(DATA EXCERPTS Opens)
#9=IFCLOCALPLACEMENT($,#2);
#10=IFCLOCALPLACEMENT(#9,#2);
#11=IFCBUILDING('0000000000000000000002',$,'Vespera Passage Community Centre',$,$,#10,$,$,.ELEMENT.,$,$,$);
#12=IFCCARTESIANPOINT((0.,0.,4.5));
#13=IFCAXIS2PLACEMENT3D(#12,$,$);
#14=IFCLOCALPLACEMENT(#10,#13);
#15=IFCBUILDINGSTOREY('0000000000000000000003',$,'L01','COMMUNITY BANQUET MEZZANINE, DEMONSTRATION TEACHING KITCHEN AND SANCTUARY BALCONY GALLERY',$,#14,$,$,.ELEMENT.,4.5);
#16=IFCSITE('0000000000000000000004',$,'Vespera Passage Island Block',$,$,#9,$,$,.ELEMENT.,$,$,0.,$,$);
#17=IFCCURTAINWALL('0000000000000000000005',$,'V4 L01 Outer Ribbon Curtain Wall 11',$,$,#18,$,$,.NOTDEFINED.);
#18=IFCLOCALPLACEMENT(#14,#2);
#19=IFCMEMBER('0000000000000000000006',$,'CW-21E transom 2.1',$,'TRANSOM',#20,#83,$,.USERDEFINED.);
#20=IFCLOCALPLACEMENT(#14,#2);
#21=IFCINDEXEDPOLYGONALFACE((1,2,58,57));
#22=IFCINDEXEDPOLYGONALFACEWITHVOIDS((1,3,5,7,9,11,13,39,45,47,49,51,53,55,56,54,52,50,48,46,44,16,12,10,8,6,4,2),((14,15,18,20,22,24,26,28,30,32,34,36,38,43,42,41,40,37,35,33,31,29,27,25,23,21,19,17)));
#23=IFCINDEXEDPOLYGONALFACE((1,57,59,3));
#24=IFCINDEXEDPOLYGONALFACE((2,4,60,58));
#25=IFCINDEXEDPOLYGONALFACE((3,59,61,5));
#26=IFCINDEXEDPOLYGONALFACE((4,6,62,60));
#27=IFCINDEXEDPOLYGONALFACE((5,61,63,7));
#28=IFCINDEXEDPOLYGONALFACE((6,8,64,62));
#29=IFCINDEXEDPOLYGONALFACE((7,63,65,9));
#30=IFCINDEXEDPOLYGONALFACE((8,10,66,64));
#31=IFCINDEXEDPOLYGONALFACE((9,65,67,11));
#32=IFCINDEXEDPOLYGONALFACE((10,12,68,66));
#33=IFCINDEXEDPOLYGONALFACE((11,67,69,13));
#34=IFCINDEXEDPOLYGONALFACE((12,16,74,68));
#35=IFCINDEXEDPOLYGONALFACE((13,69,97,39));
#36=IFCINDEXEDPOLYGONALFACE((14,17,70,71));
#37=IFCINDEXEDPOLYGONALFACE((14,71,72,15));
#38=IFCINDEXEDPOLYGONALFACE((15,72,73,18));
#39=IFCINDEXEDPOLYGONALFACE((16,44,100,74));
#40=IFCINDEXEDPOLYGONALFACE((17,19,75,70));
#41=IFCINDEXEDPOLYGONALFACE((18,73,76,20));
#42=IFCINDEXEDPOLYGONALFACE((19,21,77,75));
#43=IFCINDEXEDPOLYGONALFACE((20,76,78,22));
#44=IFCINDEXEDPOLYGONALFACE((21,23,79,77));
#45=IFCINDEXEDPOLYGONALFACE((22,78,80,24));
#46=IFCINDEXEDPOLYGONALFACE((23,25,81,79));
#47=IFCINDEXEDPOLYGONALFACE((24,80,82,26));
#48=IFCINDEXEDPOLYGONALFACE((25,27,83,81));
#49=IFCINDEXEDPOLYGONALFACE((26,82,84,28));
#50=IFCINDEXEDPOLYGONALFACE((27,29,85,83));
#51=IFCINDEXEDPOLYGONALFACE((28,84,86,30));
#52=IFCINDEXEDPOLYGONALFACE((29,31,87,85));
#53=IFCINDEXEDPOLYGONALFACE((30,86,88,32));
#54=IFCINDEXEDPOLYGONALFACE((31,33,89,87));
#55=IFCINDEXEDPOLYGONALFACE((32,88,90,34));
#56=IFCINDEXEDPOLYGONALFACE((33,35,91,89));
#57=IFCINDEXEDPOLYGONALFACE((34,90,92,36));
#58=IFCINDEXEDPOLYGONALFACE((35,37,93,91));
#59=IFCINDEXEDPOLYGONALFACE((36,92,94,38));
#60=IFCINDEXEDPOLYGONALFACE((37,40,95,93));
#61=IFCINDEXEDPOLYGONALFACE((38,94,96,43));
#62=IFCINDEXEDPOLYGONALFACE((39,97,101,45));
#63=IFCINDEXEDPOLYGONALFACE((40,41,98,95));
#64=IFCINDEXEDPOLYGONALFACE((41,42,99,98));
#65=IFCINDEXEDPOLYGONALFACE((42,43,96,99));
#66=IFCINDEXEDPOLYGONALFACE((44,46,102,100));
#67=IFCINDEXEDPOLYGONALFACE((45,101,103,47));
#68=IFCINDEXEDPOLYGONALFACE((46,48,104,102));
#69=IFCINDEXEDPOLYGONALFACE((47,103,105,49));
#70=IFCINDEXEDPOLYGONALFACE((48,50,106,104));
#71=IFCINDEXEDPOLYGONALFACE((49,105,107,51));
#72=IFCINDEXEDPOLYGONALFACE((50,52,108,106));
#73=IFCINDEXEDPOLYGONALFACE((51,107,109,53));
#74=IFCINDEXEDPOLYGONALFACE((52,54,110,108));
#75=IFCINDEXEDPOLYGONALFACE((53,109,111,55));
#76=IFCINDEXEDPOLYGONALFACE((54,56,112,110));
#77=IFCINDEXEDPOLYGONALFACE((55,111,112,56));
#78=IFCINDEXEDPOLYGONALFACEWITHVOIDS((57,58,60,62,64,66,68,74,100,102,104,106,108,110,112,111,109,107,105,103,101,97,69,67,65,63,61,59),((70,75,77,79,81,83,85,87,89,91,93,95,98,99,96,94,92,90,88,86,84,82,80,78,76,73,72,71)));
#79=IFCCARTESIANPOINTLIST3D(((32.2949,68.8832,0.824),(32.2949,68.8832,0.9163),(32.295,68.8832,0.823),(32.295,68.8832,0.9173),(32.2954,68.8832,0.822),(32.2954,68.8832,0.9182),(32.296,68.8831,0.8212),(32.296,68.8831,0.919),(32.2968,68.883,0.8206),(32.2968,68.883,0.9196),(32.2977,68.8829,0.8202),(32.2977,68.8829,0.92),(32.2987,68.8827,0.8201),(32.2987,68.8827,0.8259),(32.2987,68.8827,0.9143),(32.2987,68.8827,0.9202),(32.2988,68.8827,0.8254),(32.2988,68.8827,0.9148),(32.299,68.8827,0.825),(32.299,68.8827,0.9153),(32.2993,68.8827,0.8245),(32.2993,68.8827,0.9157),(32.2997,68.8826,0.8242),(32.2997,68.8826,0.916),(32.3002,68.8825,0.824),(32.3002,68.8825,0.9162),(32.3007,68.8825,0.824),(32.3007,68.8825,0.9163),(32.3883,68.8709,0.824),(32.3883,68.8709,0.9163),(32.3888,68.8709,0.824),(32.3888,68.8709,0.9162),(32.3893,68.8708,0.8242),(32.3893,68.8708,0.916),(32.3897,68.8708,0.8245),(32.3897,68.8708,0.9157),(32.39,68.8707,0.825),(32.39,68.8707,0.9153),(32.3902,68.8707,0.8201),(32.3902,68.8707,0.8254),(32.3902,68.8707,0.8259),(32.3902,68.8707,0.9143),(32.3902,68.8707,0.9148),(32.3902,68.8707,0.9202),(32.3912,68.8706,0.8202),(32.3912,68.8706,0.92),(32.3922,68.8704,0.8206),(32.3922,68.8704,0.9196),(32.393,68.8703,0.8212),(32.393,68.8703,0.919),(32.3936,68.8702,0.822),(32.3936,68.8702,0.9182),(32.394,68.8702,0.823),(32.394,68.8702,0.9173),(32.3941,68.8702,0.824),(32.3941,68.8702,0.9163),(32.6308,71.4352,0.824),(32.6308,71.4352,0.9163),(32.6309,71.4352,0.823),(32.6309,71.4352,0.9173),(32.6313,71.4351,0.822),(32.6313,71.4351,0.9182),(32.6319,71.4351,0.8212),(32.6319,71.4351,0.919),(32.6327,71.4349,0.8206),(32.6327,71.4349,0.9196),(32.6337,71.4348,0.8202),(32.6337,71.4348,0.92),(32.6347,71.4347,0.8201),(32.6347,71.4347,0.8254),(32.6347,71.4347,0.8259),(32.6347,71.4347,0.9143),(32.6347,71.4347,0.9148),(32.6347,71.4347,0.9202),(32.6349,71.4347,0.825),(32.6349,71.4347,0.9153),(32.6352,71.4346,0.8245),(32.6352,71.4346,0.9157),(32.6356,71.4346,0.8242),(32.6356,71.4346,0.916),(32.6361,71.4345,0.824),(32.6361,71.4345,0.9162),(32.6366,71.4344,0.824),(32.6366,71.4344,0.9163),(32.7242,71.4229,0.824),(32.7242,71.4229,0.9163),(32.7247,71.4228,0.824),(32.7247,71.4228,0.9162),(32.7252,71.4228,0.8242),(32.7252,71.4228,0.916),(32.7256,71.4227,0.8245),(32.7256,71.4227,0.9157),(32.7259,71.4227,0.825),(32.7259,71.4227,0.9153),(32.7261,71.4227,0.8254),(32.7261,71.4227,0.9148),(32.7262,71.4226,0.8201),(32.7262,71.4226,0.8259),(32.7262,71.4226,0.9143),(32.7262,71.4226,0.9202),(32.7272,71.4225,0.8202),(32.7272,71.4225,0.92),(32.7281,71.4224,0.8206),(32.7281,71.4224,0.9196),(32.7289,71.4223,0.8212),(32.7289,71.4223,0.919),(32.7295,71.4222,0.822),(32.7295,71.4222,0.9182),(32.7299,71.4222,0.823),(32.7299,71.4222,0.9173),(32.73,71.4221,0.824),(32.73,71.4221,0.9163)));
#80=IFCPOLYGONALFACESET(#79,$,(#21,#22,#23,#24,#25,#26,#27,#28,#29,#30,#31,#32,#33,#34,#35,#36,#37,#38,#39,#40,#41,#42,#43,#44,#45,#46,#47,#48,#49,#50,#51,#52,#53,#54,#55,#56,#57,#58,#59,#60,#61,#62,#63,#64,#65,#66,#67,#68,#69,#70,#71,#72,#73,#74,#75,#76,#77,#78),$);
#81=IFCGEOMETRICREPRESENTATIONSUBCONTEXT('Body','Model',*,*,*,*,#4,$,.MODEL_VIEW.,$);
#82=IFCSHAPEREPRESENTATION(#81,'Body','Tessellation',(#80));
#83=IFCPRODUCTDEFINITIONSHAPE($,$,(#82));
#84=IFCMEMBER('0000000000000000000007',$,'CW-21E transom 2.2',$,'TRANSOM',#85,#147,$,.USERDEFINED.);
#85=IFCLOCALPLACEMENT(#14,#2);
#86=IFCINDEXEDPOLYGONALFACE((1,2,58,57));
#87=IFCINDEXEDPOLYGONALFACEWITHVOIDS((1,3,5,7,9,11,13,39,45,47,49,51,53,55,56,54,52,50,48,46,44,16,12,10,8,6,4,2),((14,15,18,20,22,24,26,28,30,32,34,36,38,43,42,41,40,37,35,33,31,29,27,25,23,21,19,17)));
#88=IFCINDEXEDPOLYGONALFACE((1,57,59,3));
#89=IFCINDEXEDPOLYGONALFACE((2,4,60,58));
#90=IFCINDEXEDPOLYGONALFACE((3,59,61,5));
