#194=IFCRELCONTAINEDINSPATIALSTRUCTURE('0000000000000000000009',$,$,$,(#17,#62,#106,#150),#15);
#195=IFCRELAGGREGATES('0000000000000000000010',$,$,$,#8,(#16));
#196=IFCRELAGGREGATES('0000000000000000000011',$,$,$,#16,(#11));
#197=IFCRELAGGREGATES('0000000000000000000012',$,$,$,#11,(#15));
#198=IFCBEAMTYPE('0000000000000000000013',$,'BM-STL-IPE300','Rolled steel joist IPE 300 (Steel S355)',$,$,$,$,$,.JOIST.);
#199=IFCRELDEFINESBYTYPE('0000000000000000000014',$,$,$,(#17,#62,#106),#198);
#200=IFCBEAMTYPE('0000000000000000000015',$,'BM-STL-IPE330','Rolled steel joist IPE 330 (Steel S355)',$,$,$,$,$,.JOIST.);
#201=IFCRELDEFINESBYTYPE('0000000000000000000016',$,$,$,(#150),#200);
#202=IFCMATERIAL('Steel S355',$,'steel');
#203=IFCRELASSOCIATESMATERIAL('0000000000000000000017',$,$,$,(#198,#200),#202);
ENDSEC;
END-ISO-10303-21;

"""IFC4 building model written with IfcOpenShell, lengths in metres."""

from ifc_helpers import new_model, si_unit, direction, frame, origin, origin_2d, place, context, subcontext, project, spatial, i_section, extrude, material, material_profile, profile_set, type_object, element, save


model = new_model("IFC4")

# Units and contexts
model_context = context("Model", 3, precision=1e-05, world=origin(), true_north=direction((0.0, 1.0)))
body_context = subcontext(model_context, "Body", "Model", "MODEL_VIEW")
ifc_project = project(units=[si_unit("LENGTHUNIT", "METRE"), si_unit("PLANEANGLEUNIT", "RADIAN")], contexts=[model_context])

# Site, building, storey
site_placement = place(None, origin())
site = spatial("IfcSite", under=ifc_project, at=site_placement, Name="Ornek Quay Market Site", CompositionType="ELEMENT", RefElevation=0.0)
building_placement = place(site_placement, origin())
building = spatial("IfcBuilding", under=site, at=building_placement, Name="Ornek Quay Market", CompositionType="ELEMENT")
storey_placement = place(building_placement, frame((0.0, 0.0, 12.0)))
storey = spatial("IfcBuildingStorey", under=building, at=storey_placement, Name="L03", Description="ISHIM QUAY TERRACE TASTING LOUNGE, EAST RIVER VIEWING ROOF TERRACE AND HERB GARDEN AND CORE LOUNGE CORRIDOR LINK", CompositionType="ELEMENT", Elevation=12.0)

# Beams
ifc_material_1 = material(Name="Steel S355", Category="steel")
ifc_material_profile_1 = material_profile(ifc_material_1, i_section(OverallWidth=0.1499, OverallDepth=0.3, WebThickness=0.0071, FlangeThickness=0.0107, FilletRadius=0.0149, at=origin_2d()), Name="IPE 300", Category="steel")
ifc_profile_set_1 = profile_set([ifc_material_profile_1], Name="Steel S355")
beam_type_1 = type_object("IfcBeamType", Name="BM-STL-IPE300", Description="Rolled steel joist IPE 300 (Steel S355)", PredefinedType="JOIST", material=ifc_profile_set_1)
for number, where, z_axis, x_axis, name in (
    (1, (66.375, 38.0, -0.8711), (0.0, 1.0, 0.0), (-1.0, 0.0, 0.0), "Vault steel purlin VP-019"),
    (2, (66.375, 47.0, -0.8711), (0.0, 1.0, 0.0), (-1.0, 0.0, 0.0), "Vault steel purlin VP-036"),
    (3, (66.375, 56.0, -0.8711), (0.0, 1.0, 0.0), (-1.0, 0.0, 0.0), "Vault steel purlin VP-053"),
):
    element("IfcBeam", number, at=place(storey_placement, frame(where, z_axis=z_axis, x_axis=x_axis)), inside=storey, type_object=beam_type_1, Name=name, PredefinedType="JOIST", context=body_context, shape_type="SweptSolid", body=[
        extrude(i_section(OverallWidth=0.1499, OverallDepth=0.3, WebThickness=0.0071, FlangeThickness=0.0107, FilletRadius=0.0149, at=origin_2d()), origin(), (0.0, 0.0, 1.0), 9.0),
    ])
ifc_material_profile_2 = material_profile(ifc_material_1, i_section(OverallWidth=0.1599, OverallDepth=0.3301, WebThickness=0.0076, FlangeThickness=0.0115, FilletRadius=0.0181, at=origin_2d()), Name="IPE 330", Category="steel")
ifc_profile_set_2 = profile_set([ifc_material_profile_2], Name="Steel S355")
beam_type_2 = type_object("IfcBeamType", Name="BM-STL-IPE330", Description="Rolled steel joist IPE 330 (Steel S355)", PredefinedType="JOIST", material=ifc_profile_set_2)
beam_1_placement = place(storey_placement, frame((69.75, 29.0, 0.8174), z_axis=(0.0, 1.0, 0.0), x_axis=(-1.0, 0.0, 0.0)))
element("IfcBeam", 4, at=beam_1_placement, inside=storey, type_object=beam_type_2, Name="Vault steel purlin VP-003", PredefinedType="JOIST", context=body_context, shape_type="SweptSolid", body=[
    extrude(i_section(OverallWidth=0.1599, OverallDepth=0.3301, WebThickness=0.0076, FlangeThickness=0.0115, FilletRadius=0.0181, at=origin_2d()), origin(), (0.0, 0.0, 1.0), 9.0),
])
(DATA EXCERPTS Closes)
* WHAT TO PRODUCE *
Return, unchanged, the run of lines above that opens with the line containing "#47=IFCINDEXEDPOLYGONALFACE((24,80,82,26));" and closes with the line containing "#58=IFCINDEXEDPOLYGONALFACE((35,37,93,91));". Include both.

* FINISHED TASK *
#47=IFCINDEXEDPOLYGONALFACE((24,80,82,26));
#48=IFCINDEXEDPOLYGONALFACE((25,27,83,81));
#49=IFCINDEXEDPOLYGONALFACE((26,82,84,28));
#50=IFCINDEXEDPOLYGONALFACE((27,29,85,83));
#51=IFCINDEXEDPOLYGONALFACE((28,84,86,30));
#52=IFCINDEXEDPOLYGONALFACE((29,31,87,85));
#53=IFCINDEXEDPOLYGONALFACE((30,86,88,32));
#54=IFCINDEXEDPOLYGONALFACE((31,33,89,87));
#55=IFCINDEXEDPOLYGONALFACE((32,88,90,34));
#56=IFCINDEXEDPOLYGONALFACE((33,35,91,89));
#57=IFCINDEXEDPOLYGONALFACE((34,90,92,36));
#58=IFCINDEXEDPOLYGONALFACE((35,37,93,91));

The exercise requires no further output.